## Assignment
With the records below as your source, retype each line exactly from the top down to the line that contains "#153=IFCRELAGGREGATES('0000000000000000000011',$,$,$,#11,(#15));", and include that line.
*** Records for processing ***
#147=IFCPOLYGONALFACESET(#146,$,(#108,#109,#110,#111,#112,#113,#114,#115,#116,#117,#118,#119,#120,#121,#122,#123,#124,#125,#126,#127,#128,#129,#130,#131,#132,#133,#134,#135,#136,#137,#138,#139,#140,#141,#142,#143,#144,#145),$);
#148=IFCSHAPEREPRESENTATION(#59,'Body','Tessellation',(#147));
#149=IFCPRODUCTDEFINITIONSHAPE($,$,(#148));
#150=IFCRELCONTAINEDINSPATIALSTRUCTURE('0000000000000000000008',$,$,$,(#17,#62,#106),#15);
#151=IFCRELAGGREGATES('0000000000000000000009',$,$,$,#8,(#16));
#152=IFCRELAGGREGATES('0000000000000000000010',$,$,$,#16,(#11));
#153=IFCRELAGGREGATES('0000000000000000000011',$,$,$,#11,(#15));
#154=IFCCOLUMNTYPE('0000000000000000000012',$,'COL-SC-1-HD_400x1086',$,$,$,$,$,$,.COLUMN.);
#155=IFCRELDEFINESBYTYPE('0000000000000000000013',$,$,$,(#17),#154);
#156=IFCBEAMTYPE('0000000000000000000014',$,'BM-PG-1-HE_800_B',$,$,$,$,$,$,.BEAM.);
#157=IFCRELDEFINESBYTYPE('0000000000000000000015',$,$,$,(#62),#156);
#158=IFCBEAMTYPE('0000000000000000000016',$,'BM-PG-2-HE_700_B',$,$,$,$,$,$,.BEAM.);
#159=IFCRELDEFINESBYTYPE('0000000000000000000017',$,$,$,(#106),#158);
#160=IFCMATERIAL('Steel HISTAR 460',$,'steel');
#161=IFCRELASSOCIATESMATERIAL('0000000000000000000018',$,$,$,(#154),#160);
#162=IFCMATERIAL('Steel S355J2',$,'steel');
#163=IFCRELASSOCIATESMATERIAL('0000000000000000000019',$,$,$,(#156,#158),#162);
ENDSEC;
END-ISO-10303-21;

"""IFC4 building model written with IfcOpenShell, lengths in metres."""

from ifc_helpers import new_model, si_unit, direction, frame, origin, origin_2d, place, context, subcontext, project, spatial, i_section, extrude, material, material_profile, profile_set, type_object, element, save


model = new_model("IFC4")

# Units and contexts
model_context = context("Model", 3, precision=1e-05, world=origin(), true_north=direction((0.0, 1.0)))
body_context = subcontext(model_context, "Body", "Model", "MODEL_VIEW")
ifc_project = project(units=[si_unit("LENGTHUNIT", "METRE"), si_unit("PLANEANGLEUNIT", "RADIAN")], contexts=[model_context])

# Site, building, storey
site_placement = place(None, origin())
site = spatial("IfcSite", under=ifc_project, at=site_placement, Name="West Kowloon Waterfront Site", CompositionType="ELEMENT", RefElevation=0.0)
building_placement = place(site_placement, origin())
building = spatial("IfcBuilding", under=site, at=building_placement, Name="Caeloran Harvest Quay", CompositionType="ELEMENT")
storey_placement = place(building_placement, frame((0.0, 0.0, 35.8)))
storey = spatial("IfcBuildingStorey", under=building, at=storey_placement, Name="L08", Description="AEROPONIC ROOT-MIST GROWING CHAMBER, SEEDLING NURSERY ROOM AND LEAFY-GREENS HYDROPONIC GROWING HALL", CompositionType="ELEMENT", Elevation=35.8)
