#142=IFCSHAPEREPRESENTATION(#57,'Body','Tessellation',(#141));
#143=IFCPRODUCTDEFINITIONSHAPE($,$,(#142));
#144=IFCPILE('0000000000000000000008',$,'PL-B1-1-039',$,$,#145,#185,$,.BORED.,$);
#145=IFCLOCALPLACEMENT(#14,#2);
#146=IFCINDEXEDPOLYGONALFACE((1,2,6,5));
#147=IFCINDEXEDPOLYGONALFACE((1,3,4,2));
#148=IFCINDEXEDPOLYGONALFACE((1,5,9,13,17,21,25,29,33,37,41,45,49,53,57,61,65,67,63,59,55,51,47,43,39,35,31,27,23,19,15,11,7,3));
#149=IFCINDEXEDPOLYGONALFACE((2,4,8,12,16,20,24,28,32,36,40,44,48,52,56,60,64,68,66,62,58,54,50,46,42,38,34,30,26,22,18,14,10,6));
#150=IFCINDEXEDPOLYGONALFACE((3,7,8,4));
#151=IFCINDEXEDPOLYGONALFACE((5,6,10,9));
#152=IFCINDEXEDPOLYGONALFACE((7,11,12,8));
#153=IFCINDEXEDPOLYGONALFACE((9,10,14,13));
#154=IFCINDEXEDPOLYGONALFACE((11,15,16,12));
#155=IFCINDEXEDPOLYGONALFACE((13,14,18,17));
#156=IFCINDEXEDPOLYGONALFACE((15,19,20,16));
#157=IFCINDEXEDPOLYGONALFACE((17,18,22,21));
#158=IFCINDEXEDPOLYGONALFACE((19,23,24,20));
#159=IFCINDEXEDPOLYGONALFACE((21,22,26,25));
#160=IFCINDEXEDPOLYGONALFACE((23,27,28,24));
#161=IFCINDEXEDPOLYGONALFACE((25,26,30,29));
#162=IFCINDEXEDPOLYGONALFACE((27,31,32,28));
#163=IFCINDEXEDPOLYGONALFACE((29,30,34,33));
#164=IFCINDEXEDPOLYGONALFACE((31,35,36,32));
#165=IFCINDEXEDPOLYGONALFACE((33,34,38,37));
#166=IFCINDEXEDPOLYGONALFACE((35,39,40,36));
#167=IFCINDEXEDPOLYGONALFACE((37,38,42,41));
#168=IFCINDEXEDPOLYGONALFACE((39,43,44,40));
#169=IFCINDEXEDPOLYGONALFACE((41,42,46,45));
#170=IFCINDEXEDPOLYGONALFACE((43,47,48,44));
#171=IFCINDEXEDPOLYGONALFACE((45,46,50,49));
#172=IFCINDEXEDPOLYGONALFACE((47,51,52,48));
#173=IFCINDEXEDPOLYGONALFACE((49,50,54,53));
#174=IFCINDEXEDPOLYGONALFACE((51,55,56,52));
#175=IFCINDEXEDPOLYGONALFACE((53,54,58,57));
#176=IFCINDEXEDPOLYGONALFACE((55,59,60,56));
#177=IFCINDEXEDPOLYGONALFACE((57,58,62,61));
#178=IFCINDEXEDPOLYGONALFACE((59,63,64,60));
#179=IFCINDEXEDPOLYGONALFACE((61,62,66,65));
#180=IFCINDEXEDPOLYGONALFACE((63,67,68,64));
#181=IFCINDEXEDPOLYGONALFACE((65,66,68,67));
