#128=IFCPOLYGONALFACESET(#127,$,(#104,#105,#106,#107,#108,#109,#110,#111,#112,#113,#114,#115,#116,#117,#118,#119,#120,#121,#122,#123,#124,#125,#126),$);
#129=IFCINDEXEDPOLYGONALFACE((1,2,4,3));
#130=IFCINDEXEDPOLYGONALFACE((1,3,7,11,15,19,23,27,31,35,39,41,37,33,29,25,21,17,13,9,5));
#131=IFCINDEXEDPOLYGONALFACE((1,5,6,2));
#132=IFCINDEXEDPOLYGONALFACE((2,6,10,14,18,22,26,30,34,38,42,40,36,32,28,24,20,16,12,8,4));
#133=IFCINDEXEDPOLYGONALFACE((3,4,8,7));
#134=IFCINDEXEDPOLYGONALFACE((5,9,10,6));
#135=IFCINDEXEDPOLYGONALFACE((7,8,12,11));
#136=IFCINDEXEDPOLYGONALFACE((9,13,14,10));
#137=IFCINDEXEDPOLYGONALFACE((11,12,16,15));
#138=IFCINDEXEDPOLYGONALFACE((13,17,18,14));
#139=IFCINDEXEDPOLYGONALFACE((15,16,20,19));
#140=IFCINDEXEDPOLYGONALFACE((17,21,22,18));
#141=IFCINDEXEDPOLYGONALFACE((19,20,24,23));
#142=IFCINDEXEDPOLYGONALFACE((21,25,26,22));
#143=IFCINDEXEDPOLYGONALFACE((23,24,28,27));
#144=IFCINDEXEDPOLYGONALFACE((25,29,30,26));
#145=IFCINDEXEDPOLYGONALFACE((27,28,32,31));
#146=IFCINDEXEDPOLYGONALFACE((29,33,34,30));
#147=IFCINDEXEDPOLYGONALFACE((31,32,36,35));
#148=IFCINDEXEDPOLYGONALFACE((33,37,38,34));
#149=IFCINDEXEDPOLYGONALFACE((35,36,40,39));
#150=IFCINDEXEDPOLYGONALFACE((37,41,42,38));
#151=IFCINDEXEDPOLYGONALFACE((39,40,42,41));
*** End of Records for processing ***
## Reply
#147=IFCPOLYGONALFACESET(#146,$,(#108,#109,#110,#111,#112,#113,#114,#115,#116,#117,#118,#119,#120,#121,#122,#123,#124,#125,#126,#127,#128,#129,#130,#131,#132,#133,#134,#135,#136,#137,#138,#139,#140,#141,#142,#143,#144,#145),$);
#148=IFCSHAPEREPRESENTATION(#59,'Body','Tessellation',(#147));
#149=IFCPRODUCTDEFINITIONSHAPE($,$,(#148));
#150=IFCRELCONTAINEDINSPATIALSTRUCTURE('0000000000000000000008',$,$,$,(#17,#62,#106),#15);
#151=IFCRELAGGREGATES('0000000000000000000009',$,$,$,#8,(#16));
#152=IFCRELAGGREGATES('0000000000000000000010',$,$,$,#16,(#11));
#153=IFCRELAGGREGATES('0000000000000000000011',$,$,$,#11,(#15));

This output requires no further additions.